======== TASK MATERIAL ========

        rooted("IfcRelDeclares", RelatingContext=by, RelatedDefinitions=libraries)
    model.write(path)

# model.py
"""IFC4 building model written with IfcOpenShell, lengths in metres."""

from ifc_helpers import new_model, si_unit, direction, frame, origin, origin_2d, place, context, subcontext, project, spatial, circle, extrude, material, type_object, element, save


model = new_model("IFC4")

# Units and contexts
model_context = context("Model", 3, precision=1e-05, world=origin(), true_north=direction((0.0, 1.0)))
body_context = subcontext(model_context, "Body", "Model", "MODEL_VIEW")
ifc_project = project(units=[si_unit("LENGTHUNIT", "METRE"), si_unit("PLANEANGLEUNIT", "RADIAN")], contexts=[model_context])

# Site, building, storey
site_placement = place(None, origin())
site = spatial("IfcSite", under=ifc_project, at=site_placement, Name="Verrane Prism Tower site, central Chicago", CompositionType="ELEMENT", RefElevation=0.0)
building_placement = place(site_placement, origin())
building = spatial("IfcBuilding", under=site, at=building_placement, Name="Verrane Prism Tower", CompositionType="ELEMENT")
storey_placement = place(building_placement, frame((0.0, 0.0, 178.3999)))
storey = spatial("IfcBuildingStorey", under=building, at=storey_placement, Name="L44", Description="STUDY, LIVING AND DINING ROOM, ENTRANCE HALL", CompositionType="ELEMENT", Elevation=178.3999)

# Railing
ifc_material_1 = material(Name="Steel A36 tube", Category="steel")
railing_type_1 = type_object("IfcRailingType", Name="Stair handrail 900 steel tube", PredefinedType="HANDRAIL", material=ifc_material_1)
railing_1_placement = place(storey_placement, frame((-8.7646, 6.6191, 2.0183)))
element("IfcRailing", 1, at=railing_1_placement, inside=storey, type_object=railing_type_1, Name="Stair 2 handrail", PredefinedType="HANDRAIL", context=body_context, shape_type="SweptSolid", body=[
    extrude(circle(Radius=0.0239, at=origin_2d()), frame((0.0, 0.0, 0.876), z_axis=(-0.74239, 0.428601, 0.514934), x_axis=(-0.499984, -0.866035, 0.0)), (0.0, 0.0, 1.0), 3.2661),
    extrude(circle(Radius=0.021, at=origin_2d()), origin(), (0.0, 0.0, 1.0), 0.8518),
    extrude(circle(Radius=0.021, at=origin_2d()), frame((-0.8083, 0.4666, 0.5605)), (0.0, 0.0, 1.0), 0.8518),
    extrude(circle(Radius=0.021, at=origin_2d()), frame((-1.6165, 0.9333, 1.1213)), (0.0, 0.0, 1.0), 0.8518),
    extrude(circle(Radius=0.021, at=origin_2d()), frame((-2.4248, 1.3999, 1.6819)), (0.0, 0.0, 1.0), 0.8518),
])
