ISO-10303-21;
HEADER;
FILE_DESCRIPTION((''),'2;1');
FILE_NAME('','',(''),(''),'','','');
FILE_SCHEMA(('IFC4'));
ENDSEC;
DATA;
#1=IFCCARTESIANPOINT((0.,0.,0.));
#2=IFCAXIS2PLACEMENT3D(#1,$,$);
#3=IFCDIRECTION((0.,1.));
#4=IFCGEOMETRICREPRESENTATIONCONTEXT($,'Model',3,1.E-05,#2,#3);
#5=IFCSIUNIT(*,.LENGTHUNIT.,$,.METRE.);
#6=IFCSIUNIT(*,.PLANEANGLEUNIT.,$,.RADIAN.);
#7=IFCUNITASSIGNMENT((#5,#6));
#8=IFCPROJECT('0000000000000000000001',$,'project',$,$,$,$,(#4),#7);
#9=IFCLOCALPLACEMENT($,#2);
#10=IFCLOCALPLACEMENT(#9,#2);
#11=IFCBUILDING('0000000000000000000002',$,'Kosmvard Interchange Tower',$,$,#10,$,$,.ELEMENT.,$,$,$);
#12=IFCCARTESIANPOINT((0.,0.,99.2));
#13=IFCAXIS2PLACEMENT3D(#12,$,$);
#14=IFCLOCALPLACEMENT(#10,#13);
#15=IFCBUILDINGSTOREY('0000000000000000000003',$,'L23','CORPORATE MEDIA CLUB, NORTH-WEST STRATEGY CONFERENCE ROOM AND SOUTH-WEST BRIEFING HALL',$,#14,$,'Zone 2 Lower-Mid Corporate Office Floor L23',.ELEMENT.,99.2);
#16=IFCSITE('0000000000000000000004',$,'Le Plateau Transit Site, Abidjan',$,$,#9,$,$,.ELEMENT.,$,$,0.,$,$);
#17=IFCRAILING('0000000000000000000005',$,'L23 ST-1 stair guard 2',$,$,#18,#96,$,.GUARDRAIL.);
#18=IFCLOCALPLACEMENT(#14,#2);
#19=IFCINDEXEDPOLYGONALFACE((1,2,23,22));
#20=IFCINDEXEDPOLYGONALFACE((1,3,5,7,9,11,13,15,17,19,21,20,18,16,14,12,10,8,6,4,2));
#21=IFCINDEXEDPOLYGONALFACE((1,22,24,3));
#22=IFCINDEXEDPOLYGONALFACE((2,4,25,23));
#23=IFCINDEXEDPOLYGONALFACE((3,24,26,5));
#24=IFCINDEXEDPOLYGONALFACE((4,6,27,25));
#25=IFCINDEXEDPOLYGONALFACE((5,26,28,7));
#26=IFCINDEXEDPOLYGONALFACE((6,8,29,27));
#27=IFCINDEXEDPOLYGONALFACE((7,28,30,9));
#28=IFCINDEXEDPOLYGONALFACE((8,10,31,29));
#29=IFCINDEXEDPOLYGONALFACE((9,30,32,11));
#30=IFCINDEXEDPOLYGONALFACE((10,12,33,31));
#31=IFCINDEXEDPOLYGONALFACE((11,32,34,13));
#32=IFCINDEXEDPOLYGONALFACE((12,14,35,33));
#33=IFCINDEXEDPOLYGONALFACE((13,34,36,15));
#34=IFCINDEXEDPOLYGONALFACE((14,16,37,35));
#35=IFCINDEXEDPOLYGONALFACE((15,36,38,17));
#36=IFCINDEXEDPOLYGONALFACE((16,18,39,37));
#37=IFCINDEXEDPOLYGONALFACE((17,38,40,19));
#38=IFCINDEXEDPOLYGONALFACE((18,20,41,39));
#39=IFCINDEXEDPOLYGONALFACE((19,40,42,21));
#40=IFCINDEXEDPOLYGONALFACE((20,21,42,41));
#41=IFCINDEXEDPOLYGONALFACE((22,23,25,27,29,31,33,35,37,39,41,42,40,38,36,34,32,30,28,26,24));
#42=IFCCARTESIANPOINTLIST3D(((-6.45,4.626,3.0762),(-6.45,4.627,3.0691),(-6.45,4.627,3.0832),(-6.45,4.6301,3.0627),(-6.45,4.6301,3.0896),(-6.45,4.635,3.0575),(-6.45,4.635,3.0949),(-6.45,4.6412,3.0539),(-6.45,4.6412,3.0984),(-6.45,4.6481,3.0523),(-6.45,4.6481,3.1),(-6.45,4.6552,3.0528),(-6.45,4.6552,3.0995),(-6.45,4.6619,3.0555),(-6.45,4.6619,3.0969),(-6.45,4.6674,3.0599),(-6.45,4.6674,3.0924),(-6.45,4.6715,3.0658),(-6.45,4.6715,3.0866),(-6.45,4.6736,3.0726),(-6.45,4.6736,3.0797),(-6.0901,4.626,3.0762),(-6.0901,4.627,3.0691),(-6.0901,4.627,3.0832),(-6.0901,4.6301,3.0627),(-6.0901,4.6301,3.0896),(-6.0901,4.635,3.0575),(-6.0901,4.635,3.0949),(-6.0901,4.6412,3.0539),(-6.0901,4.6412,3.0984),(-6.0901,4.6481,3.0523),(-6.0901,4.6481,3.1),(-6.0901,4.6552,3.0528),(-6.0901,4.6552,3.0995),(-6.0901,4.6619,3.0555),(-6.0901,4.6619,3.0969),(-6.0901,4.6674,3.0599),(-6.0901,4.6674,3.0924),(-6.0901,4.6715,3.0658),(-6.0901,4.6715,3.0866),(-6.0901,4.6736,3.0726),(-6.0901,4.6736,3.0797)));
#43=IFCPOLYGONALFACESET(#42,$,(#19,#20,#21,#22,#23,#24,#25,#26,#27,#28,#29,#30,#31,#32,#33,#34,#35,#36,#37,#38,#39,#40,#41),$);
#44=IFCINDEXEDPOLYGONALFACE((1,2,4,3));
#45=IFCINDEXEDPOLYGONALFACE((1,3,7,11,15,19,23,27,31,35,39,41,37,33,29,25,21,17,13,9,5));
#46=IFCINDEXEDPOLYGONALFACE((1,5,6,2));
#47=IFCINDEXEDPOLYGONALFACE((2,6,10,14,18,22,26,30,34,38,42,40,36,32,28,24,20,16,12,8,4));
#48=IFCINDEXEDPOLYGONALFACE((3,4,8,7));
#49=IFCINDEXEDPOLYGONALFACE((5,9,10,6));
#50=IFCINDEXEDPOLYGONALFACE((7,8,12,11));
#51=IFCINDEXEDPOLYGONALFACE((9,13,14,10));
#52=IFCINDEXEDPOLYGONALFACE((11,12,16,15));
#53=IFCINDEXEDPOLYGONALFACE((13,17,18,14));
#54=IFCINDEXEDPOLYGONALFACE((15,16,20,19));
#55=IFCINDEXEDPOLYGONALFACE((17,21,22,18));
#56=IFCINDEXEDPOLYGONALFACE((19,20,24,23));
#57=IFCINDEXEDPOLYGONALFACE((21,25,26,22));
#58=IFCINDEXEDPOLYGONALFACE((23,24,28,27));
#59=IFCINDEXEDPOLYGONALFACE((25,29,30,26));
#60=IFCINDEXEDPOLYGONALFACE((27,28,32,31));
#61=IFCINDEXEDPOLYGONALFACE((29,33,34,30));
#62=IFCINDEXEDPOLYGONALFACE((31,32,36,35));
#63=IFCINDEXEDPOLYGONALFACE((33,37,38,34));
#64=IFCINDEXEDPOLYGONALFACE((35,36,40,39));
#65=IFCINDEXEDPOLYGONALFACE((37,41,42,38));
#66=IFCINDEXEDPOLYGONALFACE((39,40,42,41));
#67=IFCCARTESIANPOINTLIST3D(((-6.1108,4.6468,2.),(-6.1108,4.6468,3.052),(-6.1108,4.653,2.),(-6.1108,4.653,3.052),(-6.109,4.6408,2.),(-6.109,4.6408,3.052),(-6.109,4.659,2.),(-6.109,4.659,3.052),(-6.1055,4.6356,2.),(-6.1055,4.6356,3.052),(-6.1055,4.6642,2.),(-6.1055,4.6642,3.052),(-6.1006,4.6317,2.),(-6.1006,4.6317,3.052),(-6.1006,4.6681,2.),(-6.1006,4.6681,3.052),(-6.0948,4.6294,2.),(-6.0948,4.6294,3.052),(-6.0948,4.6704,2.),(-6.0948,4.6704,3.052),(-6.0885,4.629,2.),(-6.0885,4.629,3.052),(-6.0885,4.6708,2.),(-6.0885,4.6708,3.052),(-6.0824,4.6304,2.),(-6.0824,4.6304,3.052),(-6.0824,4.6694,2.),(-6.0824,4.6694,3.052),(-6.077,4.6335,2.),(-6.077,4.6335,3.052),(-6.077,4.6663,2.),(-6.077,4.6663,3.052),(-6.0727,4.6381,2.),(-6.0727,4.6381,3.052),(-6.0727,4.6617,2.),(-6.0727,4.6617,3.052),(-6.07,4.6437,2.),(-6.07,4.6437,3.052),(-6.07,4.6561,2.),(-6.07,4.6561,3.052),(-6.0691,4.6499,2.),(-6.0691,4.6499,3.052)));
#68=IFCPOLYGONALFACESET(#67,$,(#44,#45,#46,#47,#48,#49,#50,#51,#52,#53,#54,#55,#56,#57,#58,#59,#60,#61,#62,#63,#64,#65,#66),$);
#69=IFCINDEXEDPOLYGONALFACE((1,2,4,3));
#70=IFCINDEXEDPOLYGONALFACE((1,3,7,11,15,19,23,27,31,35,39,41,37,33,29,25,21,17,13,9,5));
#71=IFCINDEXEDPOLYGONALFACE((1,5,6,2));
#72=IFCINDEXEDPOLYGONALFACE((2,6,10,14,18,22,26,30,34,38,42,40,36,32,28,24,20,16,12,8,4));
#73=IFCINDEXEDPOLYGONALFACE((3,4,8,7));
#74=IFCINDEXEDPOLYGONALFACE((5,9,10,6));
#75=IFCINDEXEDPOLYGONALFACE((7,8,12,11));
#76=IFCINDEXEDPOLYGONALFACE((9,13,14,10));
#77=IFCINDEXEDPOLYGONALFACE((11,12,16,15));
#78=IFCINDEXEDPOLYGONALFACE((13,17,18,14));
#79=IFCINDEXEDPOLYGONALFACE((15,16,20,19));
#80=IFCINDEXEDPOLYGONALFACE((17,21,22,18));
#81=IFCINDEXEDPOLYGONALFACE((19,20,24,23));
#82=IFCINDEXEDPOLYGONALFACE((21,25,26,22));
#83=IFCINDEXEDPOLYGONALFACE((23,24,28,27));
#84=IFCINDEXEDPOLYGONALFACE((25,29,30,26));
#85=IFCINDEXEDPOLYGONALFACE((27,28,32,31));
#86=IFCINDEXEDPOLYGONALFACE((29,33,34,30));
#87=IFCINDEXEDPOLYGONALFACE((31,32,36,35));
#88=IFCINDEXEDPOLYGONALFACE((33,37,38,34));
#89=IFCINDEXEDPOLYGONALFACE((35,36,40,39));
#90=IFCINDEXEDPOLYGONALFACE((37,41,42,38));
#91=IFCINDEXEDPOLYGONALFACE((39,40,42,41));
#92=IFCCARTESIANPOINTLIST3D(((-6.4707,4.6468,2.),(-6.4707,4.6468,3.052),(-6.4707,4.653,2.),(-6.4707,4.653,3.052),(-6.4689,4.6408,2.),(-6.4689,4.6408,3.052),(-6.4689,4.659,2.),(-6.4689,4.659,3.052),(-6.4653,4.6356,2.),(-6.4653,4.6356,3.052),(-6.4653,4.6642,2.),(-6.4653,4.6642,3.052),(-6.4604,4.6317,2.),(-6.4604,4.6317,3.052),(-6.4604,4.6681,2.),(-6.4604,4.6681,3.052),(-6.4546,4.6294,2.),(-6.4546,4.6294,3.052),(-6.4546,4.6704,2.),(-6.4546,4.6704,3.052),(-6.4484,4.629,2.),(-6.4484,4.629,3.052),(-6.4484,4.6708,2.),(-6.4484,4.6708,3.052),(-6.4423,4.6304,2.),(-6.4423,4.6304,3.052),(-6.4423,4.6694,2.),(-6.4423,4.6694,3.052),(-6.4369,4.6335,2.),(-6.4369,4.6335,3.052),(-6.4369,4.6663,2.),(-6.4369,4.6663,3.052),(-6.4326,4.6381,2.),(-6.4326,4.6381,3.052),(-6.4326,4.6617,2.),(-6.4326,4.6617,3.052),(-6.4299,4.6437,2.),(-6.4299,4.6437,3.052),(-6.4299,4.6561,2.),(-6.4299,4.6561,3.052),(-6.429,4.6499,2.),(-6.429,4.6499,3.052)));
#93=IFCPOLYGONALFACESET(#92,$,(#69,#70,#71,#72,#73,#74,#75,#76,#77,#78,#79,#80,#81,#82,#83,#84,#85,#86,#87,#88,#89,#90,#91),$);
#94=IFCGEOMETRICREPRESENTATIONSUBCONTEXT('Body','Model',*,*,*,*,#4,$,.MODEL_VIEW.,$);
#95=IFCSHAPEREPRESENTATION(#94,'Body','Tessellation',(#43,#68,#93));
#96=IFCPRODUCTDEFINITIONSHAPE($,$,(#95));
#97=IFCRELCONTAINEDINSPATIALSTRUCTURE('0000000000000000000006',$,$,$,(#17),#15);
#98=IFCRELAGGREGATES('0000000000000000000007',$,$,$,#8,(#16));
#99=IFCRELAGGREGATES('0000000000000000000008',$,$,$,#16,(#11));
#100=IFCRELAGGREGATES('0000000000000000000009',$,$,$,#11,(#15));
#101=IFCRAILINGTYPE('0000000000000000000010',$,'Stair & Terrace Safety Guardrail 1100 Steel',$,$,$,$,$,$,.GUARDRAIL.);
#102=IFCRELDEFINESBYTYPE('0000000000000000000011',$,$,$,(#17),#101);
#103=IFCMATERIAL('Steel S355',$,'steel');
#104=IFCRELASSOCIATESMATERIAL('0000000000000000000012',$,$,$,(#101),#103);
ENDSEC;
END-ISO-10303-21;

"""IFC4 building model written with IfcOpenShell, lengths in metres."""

from ifc_helpers import new_model, si_unit, direction, frame, origin, origin_2d, place, context, subcontext, project, spatial, circle, extrude, source, transform, mapped, material, type_object, element, save


model = new_model("IFC4")

# Units and contexts
model_context = context("Model", 3, precision=1e-05, world=origin(), true_north=direction((0.0, 1.0)))
body_context = subcontext(model_context, "Body", "Model", "MODEL_VIEW")
ifc_project = project(units=[si_unit("LENGTHUNIT", "METRE"), si_unit("PLANEANGLEUNIT", "RADIAN")], contexts=[model_context])

# Site, building, storey
site_placement = place(None, origin())
site = spatial("IfcSite", under=ifc_project, at=site_placement, Name="Le Plateau Transit Site, Abidjan", CompositionType="ELEMENT", RefElevation=0.0)
building_placement = place(site_placement, origin())
building = spatial("IfcBuilding", under=site, at=building_placement, Name="Kosmvard Interchange Tower", CompositionType="ELEMENT")
storey_placement = place(building_placement, frame((0.0, 0.0, 99.2)))
storey = spatial("IfcBuildingStorey", under=building, at=storey_placement, Name="L23", Description="CORPORATE MEDIA CLUB, NORTH-WEST STRATEGY CONFERENCE ROOM AND SOUTH-WEST BRIEFING HALL", LongName="Zone 2 Lower-Mid Corporate Office Floor L23", CompositionType="ELEMENT", Elevation=99.2)

# Shared definitions
ifc_material_1 = material(Name="Steel S355", Category="steel")

# Railing
railing_type_1 = type_object("IfcRailingType", Name="Stair & Terrace Safety Guardrail 1100 Steel", PredefinedType="GUARDRAIL", material=ifc_material_1)
shared_shape_1 = source(origin(), body_context, "Body", "SweptSolid", [
    extrude(circle(Radius=0.0239, at=origin_2d()), frame((0.0, 0.0, 1.0762), z_axis=(-1.0, 0.0, 0.0), x_axis=(0.0, -1.0, 0.0)), (0.0, 0.0, 1.0), 0.3599),
    extrude(circle(Radius=0.021, at=origin_2d()), origin(), (0.0, 0.0, 1.0), 1.052),
    extrude(circle(Radius=0.021, at=origin_2d()), frame((-0.3599, 0.0, 0.0)), (0.0, 0.0, 1.0), 1.052),
])
railing_1_placement = place(storey_placement, frame((-6.0901, 4.6499, 2.0)))
element("IfcRailing", 1, at=railing_1_placement, inside=storey, type_object=railing_type_1, Name="L23 ST-1 stair guard 2", PredefinedType="GUARDRAIL", context=body_context, shape_type="MappedRepresentation", body=[
    mapped(shared_shape_1, transform((0.0, 0.0, 0.0), scale=1.0)),
])

save(model, "model.ifc")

========

Reproduce exactly the section above that begins at the line containing "#75=IFCINDEXEDPOLYGONALFACE((7,8,12,11));" and ends at the line containing "#82=IFCINDEXEDPOLYGONALFACE((21,25,26,22));", leaving out all other lines.

- _TASK OUTPUT_
#75=IFCINDEXEDPOLYGONALFACE((7,8,12,11));
#76=IFCINDEXEDPOLYGONALFACE((9,13,14,10));
#77=IFCINDEXEDPOLYGONALFACE((11,12,16,15));
#78=IFCINDEXEDPOLYGONALFACE((13,17,18,14));
#79=IFCINDEXEDPOLYGONALFACE((15,16,20,19));
#80=IFCINDEXEDPOLYGONALFACE((17,21,22,18));
#81=IFCINDEXEDPOLYGONALFACE((19,20,24,23));
#82=IFCINDEXEDPOLYGONALFACE((21,25,26,22));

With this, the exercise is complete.